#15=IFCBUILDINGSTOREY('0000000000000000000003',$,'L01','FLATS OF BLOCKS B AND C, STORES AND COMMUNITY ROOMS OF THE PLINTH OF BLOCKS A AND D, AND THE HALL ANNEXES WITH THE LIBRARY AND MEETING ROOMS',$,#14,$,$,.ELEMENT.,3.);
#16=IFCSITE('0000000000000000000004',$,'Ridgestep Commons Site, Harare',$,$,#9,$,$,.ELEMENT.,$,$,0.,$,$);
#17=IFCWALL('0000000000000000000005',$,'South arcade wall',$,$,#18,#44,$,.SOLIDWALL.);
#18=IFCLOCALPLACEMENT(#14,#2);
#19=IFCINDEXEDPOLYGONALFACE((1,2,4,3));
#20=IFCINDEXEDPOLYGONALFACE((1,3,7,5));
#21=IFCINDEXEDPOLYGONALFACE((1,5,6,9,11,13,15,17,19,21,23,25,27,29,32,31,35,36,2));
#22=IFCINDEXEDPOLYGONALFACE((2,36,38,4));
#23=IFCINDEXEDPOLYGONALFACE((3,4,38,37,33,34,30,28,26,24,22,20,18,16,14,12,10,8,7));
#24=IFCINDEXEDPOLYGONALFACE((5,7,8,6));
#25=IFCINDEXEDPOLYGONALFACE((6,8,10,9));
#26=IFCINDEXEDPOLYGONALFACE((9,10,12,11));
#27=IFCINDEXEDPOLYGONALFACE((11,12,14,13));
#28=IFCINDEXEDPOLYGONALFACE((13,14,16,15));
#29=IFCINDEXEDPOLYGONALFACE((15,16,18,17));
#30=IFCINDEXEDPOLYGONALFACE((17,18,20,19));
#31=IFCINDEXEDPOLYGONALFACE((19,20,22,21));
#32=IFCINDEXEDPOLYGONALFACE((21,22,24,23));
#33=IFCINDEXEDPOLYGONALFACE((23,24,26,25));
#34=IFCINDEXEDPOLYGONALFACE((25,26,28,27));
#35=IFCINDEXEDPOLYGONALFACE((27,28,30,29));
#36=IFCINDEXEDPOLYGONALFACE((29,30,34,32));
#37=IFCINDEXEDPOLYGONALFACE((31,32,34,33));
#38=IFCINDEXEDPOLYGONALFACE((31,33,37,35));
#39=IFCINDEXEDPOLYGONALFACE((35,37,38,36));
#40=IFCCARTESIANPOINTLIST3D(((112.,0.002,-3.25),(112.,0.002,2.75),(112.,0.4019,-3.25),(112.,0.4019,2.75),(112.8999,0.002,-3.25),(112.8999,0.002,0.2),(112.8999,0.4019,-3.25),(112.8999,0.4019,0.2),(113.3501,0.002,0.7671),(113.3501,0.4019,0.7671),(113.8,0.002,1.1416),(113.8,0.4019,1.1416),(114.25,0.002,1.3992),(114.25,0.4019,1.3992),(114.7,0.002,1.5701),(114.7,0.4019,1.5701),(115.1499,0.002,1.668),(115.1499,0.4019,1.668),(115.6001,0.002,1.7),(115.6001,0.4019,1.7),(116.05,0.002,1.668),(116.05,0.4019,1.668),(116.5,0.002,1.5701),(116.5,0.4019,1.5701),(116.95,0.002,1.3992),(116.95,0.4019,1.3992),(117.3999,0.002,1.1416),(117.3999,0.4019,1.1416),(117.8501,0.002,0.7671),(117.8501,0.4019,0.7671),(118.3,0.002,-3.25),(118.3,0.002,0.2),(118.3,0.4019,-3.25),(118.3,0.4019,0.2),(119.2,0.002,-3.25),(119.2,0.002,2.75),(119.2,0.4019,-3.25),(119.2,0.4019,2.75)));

* * *

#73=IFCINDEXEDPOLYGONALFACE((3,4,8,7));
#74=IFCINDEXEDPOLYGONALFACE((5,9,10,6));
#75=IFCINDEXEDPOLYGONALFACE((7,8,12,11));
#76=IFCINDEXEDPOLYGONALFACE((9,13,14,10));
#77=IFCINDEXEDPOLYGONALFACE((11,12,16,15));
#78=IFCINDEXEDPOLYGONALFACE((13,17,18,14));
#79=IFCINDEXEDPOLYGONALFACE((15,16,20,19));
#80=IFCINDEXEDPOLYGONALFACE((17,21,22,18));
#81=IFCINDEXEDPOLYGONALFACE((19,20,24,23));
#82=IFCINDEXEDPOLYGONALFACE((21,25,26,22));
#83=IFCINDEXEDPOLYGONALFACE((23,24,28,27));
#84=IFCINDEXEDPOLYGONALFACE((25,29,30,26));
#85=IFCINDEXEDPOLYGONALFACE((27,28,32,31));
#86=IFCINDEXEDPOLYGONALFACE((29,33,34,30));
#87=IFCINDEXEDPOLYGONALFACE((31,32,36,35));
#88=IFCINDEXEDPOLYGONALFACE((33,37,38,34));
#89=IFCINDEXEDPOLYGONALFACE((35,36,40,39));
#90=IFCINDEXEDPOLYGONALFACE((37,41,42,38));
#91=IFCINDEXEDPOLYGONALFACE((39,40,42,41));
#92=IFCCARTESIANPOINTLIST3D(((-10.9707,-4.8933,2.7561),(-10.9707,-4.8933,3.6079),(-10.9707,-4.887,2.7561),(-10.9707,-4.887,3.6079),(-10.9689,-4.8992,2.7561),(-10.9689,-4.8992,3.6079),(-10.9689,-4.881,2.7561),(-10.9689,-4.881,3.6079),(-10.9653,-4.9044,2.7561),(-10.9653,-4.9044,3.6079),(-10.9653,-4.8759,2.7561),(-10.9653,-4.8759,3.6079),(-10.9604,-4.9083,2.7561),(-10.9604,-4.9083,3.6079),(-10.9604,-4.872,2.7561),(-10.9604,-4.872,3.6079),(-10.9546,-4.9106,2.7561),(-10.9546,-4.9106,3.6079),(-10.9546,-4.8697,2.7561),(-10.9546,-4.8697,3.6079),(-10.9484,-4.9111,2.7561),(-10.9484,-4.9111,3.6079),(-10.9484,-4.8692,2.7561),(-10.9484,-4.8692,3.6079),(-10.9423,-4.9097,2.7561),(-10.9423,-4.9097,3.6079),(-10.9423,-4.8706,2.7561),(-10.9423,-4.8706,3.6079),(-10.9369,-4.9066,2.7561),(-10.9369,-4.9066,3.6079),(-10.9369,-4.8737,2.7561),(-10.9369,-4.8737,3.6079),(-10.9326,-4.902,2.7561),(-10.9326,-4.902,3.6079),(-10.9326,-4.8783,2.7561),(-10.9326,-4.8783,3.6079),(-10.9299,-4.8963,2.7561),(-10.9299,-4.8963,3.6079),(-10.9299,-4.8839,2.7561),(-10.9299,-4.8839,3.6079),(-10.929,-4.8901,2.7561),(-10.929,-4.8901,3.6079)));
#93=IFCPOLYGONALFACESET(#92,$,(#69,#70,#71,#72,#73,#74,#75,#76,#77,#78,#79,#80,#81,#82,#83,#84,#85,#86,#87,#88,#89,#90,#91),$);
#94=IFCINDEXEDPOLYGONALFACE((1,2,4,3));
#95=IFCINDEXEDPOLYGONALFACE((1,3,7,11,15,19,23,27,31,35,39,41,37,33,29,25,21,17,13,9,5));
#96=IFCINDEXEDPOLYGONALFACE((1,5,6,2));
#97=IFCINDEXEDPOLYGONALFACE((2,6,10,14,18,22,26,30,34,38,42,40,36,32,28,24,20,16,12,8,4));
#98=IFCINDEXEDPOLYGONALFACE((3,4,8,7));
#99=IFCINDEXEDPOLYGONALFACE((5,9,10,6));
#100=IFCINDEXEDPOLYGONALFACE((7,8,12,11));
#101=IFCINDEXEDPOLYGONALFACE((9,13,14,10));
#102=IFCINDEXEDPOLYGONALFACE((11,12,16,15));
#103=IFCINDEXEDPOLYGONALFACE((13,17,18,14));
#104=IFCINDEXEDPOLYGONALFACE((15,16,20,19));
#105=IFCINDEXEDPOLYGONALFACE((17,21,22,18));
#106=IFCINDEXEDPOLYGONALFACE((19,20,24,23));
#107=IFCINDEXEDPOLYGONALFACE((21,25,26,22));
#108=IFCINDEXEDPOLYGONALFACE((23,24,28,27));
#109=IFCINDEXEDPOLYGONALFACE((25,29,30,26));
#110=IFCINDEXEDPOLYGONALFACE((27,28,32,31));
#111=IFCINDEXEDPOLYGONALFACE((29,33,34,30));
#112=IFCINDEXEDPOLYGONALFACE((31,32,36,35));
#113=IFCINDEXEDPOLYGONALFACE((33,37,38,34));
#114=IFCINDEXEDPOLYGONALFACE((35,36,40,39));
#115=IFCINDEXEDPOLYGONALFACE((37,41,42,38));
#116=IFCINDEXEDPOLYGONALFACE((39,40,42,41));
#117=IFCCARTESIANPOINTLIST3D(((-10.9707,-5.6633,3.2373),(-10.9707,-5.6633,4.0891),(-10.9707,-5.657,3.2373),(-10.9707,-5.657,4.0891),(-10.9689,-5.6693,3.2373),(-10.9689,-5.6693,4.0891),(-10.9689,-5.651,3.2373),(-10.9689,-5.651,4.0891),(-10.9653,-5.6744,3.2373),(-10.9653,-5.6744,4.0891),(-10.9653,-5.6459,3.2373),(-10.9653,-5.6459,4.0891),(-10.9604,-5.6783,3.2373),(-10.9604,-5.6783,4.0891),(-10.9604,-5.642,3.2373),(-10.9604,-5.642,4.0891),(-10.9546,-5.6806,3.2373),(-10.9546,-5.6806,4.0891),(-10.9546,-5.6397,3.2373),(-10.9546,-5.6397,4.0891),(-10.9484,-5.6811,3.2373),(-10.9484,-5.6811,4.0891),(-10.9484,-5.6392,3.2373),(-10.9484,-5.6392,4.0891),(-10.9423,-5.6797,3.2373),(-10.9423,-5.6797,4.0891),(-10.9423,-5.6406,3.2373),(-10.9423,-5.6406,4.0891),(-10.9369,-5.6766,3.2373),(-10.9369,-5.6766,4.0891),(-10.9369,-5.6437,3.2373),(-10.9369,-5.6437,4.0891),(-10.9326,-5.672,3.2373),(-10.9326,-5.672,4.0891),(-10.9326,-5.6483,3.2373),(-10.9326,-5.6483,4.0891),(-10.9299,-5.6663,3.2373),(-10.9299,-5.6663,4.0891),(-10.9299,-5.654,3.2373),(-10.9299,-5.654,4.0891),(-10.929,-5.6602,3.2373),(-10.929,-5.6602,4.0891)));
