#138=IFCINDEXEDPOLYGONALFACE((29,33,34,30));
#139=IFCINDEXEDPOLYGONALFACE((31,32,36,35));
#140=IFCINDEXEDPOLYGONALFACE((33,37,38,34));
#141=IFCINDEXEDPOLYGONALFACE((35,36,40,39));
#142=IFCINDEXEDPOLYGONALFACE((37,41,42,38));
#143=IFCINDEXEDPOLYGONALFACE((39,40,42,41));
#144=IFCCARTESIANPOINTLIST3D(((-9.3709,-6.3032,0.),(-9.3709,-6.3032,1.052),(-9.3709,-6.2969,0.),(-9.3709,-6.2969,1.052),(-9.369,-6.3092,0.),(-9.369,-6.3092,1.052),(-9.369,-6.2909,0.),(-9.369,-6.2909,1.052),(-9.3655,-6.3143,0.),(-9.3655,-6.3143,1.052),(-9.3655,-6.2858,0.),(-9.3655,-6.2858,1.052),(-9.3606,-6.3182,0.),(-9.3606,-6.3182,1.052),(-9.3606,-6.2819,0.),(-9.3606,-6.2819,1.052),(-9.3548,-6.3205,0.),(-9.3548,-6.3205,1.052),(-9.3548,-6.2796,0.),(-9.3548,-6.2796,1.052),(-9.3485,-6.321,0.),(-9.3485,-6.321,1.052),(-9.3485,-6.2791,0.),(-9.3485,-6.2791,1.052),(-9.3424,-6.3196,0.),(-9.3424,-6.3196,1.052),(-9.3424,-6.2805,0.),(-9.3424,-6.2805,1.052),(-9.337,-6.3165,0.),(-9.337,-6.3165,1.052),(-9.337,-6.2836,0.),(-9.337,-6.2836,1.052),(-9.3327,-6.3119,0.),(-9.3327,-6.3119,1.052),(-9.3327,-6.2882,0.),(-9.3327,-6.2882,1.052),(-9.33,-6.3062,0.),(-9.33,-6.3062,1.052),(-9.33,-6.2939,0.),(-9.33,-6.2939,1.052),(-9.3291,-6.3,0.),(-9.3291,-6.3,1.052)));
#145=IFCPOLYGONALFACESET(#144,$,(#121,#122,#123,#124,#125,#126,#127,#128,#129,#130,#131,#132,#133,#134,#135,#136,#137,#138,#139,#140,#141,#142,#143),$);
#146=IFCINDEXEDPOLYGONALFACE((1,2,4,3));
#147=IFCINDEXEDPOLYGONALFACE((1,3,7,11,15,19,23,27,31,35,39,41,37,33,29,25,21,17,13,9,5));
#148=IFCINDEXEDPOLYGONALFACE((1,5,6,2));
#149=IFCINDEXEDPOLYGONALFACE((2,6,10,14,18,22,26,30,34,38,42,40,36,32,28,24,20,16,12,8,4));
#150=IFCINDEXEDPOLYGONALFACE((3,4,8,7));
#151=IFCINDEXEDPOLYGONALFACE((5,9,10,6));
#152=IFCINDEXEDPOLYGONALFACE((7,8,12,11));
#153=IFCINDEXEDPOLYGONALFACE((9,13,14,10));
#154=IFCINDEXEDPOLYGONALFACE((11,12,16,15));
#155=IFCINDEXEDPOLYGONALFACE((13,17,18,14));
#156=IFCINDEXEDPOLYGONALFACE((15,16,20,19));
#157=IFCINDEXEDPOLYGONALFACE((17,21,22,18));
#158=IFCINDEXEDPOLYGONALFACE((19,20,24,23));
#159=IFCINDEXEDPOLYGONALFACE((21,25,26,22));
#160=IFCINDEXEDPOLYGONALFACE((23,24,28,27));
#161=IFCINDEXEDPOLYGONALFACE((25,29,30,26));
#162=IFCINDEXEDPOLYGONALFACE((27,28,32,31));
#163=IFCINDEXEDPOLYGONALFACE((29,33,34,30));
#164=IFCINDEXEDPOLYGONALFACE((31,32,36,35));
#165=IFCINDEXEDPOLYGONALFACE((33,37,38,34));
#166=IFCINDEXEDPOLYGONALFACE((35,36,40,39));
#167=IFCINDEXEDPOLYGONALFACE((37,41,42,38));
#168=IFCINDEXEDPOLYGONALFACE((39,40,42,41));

--

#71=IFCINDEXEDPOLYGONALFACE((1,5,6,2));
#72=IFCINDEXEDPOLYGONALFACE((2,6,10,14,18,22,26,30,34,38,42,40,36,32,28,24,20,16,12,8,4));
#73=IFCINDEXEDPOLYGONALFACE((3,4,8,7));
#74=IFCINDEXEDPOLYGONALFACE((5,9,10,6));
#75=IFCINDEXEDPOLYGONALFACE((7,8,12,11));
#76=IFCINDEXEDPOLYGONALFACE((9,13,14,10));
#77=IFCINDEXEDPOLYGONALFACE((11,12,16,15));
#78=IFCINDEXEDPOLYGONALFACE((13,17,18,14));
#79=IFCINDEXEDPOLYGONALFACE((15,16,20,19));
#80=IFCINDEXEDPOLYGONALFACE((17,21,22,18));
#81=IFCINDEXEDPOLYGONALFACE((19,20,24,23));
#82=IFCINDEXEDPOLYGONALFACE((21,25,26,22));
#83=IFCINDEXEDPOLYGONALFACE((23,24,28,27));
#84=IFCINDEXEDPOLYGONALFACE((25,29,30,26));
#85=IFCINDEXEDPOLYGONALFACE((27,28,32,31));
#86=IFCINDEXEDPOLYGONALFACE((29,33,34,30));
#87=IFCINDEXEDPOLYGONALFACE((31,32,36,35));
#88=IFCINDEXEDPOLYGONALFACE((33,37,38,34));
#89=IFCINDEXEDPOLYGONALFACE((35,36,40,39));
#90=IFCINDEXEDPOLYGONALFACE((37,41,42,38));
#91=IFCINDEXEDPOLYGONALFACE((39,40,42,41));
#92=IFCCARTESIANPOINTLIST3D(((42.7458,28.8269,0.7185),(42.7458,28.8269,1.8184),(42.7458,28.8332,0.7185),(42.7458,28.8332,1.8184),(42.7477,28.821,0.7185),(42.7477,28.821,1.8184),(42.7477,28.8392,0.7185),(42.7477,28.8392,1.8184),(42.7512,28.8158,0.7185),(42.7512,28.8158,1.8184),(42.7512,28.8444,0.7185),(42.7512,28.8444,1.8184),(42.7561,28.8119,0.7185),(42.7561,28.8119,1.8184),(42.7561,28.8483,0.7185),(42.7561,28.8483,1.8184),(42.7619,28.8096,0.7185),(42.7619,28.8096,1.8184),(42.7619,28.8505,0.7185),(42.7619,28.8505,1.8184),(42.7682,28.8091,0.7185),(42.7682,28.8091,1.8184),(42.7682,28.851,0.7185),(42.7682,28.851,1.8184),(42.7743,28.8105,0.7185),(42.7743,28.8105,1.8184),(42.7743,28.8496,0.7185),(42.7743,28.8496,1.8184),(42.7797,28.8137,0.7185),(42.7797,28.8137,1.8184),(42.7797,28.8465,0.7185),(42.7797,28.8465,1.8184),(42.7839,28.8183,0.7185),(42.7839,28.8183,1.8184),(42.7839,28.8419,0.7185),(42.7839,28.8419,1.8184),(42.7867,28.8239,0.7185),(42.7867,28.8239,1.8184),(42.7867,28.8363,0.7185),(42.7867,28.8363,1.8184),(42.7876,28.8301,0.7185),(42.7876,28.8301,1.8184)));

§ **The task**: For every line of the records that includes the string "ELEMENT", add one to a tally; the answer is that tally alone.

§ **Solution for this problem**: 2